## DESCRIPTION OF THE TASK:
For the entries below, the expected answer is the line with "#124=IFCINDEXEDPOLYGONALFACE((1,2,4,3));", the line with "#138=IFCINDEXEDPOLYGONALFACE((1,5,6,2));", and every line between them, exactly as written, and nothing more.
Start of RECORD SET
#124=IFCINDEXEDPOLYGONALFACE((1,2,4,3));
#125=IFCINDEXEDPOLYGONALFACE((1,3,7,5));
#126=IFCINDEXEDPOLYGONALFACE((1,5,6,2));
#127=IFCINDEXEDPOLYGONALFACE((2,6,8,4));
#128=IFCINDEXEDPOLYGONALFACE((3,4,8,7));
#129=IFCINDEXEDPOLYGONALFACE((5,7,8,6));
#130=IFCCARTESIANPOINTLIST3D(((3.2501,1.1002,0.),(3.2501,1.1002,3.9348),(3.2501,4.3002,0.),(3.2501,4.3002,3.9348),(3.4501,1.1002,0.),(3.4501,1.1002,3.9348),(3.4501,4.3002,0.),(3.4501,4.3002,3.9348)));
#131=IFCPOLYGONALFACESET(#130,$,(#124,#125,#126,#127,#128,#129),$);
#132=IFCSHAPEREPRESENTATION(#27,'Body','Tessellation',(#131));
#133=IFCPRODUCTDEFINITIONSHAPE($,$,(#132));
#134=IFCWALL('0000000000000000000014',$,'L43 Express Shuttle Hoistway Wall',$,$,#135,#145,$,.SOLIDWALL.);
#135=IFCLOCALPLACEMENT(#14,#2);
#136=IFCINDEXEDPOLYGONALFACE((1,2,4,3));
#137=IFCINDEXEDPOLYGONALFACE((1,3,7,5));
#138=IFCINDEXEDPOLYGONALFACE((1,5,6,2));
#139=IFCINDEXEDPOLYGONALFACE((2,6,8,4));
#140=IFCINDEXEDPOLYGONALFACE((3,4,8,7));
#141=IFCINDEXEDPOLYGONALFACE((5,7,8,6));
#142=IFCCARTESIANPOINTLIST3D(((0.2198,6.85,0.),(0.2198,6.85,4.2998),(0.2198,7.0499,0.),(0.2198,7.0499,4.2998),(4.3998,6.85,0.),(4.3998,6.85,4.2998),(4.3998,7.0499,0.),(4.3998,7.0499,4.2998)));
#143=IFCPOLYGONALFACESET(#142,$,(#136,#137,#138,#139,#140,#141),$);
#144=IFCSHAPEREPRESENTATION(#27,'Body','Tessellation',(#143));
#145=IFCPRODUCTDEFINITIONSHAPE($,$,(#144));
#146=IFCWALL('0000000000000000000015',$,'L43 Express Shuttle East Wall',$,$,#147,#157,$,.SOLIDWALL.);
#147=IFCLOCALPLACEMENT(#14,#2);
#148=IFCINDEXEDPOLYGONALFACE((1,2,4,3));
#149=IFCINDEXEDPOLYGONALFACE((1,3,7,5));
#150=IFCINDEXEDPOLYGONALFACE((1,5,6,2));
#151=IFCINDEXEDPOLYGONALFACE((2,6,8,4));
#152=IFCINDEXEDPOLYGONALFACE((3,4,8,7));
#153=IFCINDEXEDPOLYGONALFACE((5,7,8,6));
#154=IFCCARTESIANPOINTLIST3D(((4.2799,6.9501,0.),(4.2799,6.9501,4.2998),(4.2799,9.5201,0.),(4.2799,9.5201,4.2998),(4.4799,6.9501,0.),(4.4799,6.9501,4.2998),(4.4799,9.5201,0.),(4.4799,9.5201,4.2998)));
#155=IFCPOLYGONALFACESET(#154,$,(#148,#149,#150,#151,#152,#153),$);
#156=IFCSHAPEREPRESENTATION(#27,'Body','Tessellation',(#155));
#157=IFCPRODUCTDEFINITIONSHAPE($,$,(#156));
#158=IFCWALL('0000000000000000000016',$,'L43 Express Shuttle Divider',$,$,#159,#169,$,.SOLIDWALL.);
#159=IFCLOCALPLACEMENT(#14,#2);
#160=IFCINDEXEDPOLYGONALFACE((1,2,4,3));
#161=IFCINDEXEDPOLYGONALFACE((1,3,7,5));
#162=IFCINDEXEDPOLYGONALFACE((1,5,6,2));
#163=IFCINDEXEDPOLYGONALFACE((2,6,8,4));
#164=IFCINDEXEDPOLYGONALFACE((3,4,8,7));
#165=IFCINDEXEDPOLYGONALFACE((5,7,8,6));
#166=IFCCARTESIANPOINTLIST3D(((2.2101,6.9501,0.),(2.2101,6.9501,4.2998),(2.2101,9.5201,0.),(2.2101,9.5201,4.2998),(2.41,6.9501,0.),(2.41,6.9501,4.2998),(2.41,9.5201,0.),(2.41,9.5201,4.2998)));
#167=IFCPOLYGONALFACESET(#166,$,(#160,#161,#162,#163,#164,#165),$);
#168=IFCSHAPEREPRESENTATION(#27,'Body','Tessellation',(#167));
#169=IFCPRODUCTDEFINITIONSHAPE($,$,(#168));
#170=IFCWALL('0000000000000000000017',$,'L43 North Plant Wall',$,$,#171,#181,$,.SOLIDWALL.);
End of RECORD SET
Start of RECORD SET
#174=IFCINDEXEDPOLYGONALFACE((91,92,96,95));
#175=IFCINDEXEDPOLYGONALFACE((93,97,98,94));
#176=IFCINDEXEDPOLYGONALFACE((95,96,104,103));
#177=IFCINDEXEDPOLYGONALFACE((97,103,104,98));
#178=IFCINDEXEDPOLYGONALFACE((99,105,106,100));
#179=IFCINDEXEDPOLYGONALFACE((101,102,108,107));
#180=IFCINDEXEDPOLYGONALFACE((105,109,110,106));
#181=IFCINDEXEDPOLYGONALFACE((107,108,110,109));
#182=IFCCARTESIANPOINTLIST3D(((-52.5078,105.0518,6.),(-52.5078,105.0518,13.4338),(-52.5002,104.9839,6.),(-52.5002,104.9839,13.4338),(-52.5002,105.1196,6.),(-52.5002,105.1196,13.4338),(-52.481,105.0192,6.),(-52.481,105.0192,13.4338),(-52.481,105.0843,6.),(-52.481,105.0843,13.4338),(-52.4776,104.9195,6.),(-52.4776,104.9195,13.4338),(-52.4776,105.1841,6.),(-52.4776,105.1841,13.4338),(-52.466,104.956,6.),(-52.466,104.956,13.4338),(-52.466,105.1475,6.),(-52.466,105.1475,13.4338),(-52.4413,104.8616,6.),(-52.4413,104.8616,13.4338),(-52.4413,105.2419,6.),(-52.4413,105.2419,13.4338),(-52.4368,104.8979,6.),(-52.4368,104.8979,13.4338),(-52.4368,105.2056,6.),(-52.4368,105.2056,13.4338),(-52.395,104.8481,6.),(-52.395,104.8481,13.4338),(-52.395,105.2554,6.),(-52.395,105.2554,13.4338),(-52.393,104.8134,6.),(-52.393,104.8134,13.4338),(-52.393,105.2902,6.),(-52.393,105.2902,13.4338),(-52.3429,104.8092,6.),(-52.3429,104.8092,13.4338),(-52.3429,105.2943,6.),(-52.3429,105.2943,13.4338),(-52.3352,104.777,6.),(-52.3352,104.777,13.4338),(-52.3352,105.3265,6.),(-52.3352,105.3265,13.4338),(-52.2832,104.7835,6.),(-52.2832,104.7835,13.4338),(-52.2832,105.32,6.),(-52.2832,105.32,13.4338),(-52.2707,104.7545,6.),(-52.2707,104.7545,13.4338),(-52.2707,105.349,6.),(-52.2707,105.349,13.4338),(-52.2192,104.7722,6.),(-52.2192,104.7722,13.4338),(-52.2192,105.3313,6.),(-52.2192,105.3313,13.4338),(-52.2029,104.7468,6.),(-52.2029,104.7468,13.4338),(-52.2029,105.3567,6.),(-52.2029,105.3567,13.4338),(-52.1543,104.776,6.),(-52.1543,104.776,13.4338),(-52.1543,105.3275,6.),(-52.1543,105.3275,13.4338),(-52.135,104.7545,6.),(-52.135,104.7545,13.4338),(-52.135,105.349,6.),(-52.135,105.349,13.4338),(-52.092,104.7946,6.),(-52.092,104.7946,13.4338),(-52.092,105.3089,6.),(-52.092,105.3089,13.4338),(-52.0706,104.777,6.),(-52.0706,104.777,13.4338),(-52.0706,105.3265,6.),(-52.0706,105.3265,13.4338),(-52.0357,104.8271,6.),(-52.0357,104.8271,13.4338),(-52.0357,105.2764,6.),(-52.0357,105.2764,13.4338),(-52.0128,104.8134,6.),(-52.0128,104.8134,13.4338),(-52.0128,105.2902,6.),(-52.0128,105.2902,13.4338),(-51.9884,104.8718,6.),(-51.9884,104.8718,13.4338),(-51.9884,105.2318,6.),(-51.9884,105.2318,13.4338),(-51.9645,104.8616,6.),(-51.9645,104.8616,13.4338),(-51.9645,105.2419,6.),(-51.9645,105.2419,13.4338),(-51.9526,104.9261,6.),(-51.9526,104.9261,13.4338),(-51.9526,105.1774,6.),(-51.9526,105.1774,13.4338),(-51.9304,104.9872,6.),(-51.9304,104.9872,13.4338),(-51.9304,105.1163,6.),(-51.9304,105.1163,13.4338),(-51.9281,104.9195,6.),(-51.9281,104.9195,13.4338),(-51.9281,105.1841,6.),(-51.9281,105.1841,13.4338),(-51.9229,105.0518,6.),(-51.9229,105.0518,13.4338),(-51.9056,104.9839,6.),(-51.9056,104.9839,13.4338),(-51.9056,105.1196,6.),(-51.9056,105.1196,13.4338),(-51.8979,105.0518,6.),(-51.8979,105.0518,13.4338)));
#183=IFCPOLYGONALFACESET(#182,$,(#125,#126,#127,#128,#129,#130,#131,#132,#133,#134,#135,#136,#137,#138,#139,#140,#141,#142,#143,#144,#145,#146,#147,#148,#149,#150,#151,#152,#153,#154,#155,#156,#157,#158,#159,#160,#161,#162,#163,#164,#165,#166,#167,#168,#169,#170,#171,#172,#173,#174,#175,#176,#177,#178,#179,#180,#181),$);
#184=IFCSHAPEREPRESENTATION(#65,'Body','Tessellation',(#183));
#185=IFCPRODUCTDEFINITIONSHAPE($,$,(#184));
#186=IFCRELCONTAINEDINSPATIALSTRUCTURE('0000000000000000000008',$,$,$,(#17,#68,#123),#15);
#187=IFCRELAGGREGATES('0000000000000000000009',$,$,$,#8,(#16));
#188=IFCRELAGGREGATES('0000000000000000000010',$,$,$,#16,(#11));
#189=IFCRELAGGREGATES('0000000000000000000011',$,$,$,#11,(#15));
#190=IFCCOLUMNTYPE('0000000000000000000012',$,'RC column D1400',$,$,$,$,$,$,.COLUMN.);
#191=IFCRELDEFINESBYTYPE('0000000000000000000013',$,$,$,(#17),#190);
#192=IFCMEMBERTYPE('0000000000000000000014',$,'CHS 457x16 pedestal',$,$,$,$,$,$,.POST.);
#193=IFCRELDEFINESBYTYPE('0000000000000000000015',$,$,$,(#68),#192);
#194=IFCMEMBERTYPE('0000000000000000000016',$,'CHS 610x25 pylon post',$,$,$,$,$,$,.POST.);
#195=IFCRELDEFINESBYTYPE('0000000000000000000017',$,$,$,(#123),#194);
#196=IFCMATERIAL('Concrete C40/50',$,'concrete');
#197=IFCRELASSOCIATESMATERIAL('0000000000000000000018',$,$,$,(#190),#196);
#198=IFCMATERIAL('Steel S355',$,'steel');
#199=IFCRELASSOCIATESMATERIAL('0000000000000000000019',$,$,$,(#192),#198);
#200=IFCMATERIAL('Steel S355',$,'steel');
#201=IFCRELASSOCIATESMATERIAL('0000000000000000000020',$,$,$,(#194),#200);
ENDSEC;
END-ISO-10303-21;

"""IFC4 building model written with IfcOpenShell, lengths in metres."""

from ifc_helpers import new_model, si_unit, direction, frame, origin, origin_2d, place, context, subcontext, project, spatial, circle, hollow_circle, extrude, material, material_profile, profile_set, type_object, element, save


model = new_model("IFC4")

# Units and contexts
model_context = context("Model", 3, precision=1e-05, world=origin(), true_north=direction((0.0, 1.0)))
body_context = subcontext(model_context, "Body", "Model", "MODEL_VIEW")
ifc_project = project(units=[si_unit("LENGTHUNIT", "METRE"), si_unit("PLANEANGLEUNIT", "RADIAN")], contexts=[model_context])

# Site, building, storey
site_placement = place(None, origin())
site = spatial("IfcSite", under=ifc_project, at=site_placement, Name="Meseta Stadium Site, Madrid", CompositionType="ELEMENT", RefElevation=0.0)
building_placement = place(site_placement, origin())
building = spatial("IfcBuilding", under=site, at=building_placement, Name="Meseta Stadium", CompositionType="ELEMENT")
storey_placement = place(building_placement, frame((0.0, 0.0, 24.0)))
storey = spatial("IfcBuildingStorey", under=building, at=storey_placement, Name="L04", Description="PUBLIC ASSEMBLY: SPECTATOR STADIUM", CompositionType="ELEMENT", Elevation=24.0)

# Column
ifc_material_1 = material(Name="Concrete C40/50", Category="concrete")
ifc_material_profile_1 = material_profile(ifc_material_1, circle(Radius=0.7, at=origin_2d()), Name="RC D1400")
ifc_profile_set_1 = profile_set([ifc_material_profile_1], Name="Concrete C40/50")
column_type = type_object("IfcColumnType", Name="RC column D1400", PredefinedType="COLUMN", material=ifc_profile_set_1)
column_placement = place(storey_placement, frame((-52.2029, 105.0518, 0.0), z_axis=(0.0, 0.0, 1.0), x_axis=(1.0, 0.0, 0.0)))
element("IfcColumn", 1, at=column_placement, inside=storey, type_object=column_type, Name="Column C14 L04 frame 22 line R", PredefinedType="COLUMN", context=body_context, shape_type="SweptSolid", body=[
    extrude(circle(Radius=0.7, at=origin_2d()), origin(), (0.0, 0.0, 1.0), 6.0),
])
End of RECORD SET
## TASK ANSWER:
#124=IFCINDEXEDPOLYGONALFACE((1,2,4,3));
#125=IFCINDEXEDPOLYGONALFACE((1,3,7,5));
#126=IFCINDEXEDPOLYGONALFACE((1,5,6,2));
#127=IFCINDEXEDPOLYGONALFACE((2,6,8,4));
#128=IFCINDEXEDPOLYGONALFACE((3,4,8,7));
#129=IFCINDEXEDPOLYGONALFACE((5,7,8,6));
#130=IFCCARTESIANPOINTLIST3D(((3.2501,1.1002,0.),(3.2501,1.1002,3.9348),(3.2501,4.3002,0.),(3.2501,4.3002,3.9348),(3.4501,1.1002,0.),(3.4501,1.1002,3.9348),(3.4501,4.3002,0.),(3.4501,4.3002,3.9348)));
#131=IFCPOLYGONALFACESET(#130,$,(#124,#125,#126,#127,#128,#129),$);
#132=IFCSHAPEREPRESENTATION(#27,'Body','Tessellation',(#131));
#133=IFCPRODUCTDEFINITIONSHAPE($,$,(#132));
#134=IFCWALL('0000000000000000000014',$,'L43 Express Shuttle Hoistway Wall',$,$,#135,#145,$,.SOLIDWALL.);
#135=IFCLOCALPLACEMENT(#14,#2);
#136=IFCINDEXEDPOLYGONALFACE((1,2,4,3));
#137=IFCINDEXEDPOLYGONALFACE((1,3,7,5));
#138=IFCINDEXEDPOLYGONALFACE((1,5,6,2));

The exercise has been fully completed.